• [What the task requires]: Give back the lines of the records exactly, starting at the first and ending at the one with "#66=IFCINDEXEDPOLYGONALFACE((39,40,42,41));".

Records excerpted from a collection
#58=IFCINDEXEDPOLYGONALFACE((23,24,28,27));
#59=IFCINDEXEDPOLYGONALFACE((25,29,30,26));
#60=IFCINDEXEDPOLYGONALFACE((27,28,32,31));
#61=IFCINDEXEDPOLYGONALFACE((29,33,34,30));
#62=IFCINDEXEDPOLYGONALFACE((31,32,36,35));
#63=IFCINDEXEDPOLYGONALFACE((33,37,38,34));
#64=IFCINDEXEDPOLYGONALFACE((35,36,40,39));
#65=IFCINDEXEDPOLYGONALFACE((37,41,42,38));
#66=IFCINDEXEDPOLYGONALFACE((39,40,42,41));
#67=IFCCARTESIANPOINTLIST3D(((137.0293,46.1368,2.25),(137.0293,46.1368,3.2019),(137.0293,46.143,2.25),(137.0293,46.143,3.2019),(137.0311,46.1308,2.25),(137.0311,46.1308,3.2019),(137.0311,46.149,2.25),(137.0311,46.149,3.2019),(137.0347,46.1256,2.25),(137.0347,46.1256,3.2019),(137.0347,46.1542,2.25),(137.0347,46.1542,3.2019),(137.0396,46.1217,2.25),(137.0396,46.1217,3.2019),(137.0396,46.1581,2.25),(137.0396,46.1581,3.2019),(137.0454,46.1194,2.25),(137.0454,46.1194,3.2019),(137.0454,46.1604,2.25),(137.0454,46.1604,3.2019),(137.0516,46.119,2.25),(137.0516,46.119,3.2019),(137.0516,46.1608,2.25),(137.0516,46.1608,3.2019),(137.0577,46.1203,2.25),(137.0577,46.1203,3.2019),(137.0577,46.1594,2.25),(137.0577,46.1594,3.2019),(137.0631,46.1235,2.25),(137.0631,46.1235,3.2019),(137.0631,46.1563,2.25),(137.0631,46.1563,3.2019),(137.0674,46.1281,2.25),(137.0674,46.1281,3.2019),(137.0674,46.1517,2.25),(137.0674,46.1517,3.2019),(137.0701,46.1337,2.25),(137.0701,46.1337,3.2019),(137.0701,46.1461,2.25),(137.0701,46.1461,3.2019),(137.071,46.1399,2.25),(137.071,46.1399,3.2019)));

• [Result for this task]:
#58=IFCINDEXEDPOLYGONALFACE((23,24,28,27));
#59=IFCINDEXEDPOLYGONALFACE((25,29,30,26));
#60=IFCINDEXEDPOLYGONALFACE((27,28,32,31));
#61=IFCINDEXEDPOLYGONALFACE((29,33,34,30));
#62=IFCINDEXEDPOLYGONALFACE((31,32,36,35));
#63=IFCINDEXEDPOLYGONALFACE((33,37,38,34));
#64=IFCINDEXEDPOLYGONALFACE((35,36,40,39));
#65=IFCINDEXEDPOLYGONALFACE((37,41,42,38));
#66=IFCINDEXEDPOLYGONALFACE((39,40,42,41));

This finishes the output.